Dataset entries
▼▼▼
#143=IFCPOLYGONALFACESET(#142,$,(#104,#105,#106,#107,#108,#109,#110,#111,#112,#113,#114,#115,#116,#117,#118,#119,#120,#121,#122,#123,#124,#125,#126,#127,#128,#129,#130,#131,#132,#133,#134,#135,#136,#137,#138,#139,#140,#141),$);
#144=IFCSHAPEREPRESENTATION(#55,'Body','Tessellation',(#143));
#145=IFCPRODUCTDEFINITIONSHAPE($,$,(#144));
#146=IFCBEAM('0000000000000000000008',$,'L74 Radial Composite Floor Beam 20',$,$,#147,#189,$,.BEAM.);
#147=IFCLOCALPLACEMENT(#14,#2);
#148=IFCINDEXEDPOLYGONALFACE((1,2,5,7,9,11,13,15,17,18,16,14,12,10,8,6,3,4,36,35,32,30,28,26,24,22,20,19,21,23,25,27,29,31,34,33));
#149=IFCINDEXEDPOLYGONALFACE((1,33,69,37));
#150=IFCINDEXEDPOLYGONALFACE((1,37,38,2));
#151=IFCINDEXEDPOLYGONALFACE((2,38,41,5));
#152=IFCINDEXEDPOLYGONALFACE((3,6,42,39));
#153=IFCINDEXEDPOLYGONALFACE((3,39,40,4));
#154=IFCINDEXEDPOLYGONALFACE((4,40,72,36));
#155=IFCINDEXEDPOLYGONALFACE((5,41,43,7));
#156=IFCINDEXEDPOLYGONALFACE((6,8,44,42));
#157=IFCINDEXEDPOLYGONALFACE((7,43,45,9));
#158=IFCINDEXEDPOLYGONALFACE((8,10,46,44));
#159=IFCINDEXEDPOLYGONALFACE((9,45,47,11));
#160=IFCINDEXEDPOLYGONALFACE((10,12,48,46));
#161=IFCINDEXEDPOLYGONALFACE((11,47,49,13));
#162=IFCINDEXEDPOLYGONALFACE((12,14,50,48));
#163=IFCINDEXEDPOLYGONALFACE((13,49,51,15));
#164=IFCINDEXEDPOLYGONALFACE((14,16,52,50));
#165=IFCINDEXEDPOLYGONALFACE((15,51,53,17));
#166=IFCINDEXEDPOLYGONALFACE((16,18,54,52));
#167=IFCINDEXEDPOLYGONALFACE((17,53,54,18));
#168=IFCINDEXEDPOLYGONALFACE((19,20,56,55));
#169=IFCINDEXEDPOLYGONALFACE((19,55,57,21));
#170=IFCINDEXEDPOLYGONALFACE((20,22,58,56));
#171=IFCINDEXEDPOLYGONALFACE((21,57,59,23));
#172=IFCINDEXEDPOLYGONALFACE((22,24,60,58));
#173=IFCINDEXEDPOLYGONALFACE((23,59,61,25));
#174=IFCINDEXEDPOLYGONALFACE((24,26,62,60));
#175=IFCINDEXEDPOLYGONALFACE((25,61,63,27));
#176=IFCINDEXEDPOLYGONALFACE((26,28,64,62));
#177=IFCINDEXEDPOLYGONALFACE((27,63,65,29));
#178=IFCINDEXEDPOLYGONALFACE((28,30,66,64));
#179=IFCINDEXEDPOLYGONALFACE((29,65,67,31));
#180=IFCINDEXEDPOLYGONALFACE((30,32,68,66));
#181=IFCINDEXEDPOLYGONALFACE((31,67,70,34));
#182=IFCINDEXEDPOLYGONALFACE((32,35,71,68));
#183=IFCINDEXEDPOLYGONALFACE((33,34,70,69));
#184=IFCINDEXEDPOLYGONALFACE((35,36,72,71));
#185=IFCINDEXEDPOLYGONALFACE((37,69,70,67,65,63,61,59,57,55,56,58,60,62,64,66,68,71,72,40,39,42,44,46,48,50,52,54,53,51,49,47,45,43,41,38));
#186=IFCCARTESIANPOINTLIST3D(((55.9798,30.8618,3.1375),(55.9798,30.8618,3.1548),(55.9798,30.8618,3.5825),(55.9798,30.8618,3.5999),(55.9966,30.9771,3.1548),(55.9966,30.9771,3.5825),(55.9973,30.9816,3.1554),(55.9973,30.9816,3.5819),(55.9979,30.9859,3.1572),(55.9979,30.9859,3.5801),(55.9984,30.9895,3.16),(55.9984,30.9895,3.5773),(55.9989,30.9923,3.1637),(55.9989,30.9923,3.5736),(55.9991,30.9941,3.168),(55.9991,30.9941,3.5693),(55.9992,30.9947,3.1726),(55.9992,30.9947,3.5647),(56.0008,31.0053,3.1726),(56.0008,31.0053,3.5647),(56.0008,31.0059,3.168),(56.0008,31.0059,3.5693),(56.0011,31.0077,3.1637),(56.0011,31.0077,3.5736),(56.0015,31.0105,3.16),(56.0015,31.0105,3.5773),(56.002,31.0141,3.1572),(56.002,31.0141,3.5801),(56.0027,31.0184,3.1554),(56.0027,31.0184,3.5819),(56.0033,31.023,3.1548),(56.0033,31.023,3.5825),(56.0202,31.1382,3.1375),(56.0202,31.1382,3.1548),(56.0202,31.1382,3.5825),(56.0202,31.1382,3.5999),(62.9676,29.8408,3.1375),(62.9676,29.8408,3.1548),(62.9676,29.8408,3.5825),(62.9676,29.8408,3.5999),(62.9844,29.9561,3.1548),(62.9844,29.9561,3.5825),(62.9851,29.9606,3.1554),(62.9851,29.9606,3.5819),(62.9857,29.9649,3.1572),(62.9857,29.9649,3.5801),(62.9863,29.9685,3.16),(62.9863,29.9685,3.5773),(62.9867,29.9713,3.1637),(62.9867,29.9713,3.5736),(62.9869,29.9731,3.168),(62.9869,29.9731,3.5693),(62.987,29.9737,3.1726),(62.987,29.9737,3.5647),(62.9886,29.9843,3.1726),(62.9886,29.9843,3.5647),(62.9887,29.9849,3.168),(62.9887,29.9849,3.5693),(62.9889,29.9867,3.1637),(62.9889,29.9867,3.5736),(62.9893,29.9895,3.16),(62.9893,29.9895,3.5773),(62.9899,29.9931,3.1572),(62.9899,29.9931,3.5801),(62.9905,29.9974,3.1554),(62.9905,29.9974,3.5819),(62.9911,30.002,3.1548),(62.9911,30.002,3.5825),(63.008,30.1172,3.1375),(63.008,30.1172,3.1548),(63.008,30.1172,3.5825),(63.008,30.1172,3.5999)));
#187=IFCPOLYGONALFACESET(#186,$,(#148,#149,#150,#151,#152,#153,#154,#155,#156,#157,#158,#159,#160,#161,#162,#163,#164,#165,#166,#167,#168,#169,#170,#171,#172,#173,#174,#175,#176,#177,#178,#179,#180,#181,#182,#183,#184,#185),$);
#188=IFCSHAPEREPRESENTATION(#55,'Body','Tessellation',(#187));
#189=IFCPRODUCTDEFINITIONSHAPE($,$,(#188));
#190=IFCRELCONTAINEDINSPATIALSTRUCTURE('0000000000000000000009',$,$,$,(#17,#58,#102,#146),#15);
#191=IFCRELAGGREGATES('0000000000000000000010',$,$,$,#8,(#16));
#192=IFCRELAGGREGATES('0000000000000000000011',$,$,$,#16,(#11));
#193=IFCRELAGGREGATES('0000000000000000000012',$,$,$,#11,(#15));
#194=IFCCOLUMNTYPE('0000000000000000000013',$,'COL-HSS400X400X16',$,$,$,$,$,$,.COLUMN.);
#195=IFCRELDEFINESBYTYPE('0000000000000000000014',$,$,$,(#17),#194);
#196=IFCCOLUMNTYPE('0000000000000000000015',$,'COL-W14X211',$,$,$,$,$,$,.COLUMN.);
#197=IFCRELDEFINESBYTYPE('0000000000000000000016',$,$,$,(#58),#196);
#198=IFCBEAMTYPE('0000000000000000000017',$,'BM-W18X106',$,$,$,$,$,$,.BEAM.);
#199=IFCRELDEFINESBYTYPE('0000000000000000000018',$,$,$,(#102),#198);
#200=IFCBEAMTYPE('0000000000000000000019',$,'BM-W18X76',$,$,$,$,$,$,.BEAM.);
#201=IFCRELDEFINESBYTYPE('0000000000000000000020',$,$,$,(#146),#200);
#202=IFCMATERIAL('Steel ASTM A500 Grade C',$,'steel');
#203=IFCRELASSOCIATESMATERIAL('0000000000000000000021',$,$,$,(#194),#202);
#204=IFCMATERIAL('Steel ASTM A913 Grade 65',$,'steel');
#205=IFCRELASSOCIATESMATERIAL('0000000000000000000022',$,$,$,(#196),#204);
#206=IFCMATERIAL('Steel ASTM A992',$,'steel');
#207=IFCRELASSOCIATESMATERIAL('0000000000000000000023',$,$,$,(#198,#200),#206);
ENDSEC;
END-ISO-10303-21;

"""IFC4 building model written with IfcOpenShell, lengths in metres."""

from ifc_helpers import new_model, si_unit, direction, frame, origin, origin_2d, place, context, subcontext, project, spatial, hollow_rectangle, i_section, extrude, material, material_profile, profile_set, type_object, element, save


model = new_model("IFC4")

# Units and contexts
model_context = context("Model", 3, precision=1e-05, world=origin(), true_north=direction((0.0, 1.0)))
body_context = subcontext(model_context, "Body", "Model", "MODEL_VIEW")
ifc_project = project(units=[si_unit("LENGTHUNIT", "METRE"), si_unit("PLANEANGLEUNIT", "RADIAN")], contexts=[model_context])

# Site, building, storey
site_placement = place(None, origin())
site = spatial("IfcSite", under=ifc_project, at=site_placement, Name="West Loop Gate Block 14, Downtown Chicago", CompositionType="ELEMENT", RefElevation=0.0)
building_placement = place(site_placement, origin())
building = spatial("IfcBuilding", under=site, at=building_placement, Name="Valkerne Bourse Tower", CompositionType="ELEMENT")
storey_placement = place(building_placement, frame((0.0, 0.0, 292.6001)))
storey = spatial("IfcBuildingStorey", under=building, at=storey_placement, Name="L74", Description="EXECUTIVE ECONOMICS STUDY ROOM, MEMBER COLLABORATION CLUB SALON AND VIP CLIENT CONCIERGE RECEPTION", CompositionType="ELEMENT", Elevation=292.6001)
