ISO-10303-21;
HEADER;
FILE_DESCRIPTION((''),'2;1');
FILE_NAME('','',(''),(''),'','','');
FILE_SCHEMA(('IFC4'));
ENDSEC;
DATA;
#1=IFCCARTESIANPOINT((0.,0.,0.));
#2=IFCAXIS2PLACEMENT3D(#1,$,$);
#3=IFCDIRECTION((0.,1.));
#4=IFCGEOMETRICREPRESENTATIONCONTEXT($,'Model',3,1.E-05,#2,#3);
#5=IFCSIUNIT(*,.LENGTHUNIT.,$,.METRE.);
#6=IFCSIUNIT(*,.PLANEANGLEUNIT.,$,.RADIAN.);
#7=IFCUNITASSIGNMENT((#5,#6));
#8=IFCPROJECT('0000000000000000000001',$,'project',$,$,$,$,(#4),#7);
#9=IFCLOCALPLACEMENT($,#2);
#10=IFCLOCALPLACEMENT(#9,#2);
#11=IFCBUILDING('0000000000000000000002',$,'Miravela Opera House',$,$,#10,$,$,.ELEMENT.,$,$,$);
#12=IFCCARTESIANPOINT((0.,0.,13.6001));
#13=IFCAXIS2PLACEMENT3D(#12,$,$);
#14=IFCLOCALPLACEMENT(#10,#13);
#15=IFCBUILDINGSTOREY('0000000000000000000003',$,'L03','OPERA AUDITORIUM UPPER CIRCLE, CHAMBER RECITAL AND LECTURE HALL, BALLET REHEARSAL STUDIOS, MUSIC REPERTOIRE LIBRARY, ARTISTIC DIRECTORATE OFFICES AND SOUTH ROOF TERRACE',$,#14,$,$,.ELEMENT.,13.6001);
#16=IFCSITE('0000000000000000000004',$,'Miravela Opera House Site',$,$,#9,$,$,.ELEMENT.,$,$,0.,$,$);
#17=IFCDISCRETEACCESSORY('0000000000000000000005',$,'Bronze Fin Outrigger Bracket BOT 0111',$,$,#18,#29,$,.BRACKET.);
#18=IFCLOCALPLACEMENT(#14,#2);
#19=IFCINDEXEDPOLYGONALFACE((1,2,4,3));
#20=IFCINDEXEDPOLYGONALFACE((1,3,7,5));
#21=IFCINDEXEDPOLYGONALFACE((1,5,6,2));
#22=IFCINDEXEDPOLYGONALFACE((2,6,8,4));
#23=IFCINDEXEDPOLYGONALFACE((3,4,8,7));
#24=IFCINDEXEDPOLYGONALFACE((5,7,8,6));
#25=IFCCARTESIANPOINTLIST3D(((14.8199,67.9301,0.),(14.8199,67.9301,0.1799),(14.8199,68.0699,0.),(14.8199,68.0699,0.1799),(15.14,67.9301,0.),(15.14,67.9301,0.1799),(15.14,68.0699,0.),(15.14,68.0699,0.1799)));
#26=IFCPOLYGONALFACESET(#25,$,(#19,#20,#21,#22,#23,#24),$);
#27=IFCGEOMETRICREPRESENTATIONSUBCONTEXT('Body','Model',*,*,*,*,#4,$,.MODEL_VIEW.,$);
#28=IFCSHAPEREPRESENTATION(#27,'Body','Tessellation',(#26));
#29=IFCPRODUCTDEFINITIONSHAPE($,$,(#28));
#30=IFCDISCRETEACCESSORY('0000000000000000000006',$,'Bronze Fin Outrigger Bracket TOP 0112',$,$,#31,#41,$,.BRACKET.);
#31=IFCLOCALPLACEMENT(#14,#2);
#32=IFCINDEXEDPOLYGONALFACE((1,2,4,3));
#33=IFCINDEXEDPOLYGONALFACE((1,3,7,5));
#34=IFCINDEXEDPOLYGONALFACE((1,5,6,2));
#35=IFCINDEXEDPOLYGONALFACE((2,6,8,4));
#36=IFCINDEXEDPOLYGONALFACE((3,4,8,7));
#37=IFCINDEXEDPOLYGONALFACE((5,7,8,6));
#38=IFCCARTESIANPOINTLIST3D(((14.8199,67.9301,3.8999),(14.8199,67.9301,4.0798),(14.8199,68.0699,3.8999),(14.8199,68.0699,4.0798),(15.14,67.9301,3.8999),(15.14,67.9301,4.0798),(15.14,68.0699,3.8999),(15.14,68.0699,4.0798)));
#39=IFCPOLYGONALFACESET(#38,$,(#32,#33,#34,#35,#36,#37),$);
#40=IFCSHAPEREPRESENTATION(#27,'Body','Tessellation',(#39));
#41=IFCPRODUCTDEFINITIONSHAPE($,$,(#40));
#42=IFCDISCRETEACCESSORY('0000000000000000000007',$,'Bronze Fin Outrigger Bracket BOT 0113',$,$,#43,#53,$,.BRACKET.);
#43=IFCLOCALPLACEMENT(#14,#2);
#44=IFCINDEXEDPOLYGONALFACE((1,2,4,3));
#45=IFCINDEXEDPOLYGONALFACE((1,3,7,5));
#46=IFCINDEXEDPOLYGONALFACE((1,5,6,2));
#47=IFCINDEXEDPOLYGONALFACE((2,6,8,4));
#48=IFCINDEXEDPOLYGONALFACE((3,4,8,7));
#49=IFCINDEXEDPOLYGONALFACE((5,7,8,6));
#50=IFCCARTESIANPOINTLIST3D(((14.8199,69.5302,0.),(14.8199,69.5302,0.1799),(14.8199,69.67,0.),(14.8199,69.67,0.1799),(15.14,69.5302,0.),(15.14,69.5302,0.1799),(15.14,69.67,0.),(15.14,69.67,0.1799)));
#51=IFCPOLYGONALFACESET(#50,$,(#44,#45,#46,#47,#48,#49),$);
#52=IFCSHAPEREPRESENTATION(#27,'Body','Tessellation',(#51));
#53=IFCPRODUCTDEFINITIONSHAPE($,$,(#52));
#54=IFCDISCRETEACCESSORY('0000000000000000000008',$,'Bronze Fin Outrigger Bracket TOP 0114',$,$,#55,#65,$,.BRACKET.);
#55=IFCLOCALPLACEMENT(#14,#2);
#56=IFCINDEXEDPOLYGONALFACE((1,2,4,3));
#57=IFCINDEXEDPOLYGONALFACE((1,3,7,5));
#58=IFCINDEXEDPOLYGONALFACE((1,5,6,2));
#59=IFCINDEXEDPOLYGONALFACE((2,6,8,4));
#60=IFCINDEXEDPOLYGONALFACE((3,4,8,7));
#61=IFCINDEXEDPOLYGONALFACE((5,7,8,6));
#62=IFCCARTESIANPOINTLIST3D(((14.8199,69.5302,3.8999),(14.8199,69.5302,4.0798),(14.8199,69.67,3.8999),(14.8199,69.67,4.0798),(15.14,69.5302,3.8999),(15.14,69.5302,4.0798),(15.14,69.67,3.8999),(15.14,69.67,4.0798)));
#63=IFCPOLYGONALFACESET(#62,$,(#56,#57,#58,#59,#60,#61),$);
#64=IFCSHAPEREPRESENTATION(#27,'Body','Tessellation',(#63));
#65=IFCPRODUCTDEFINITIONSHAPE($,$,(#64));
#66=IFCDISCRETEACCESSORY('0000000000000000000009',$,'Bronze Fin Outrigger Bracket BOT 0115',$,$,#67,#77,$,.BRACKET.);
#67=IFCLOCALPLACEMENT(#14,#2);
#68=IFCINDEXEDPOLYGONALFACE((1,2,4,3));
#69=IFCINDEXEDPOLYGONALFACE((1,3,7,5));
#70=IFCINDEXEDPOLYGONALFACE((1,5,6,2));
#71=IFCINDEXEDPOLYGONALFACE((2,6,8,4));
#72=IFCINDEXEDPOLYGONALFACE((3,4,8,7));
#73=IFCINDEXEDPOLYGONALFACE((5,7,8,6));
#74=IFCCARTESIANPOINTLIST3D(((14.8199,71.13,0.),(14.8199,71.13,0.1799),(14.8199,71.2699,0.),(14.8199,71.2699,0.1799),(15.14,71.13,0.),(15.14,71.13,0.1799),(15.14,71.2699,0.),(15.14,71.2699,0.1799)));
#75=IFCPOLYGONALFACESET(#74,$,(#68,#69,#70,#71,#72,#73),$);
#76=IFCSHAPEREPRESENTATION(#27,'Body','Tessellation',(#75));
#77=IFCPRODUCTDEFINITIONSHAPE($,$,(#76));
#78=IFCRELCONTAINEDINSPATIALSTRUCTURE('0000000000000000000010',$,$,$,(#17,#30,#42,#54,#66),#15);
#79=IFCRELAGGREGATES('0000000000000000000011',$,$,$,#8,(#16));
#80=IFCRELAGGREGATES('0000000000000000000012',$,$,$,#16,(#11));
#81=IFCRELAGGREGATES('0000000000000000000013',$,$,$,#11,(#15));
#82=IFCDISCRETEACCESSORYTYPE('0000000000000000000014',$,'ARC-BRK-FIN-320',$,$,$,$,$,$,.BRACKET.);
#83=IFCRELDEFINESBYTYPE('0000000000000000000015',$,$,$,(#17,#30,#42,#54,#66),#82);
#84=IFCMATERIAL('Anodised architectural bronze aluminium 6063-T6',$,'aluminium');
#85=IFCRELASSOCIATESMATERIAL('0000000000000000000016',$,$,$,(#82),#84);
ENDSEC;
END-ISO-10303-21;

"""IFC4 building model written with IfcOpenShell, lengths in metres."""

from ifc_helpers import new_model, si_unit, direction, frame, origin, origin_2d, place, context, subcontext, project, spatial, rectangle, extrude, material, type_object, element, save


model = new_model("IFC4")

# Units and contexts
model_context = context("Model", 3, precision=1e-05, world=origin(), true_north=direction((0.0, 1.0)))
body_context = subcontext(model_context, "Body", "Model", "MODEL_VIEW")
ifc_project = project(units=[si_unit("LENGTHUNIT", "METRE"), si_unit("PLANEANGLEUNIT", "RADIAN")], contexts=[model_context])

# Site, building, storey
site_placement = place(None, origin())
site = spatial("IfcSite", under=ifc_project, at=site_placement, Name="Miravela Opera House Site", CompositionType="ELEMENT", RefElevation=0.0)
building_placement = place(site_placement, origin())
building = spatial("IfcBuilding", under=site, at=building_placement, Name="Miravela Opera House", CompositionType="ELEMENT")
storey_placement = place(building_placement, frame((0.0, 0.0, 13.6001)))
storey = spatial("IfcBuildingStorey", under=building, at=storey_placement, Name="L03", Description="OPERA AUDITORIUM UPPER CIRCLE, CHAMBER RECITAL AND LECTURE HALL, BALLET REHEARSAL STUDIOS, MUSIC REPERTOIRE LIBRARY, ARTISTIC DIRECTORATE OFFICES AND SOUTH ROOF TERRACE", CompositionType="ELEMENT", Elevation=13.6001)

# Shared definitions
ifc_material_1 = material(Name="Anodised architectural bronze aluminium 6063-T6", Category="aluminium")

# Discrete accessories
discrete_accessory_type = type_object("IfcDiscreteAccessoryType", Name="ARC-BRK-FIN-320", PredefinedType="BRACKET", material=ifc_material_1)
for number, where, z_axis, x_axis, name in (
    (1, (14.98, 68.0, 0.0), (0.0, 0.0, 1.0), (1.0, 0.0, 0.0), "Bronze Fin Outrigger Bracket BOT 0111"),
    (2, (14.98, 68.0, 3.8999), (0.0, 0.0, 1.0), (1.0, 0.0, 0.0), "Bronze Fin Outrigger Bracket TOP 0112"),
    (3, (14.98, 69.6001, 0.0), (0.0, 0.0, 1.0), (1.0, 0.0, 0.0), "Bronze Fin Outrigger Bracket BOT 0113"),
    (4, (14.98, 69.6001, 3.8999), (0.0, 0.0, 1.0), (1.0, 0.0, 0.0), "Bronze Fin Outrigger Bracket TOP 0114"),
    (5, (14.98, 71.2, 0.0), (0.0, 0.0, 1.0), (1.0, 0.0, 0.0), "Bronze Fin Outrigger Bracket BOT 0115"),
):
    element("IfcDiscreteAccessory", number, at=place(storey_placement, frame(where, z_axis=z_axis, x_axis=x_axis)), inside=storey, type_object=discrete_accessory_type, Name=name, PredefinedType="BRACKET", context=body_context, shape_type="SweptSolid", body=[
        extrude(rectangle(XDim=0.3201, YDim=0.1399, at=origin_2d()), origin(), (0.0, 0.0, 1.0), 0.1799),
    ])

save(model, "model.ifc")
▲▲▲
**EXERCISE REQUIREMENTS**. Go through the entries above and pull out each line with "ASTM" in it.

**RESULT OF THIS EXERCISE**.
#202=IFCMATERIAL('Steel ASTM A500 Grade C',$,'steel');
#204=IFCMATERIAL('Steel ASTM A913 Grade 65',$,'steel');
#206=IFCMATERIAL('Steel ASTM A992',$,'steel');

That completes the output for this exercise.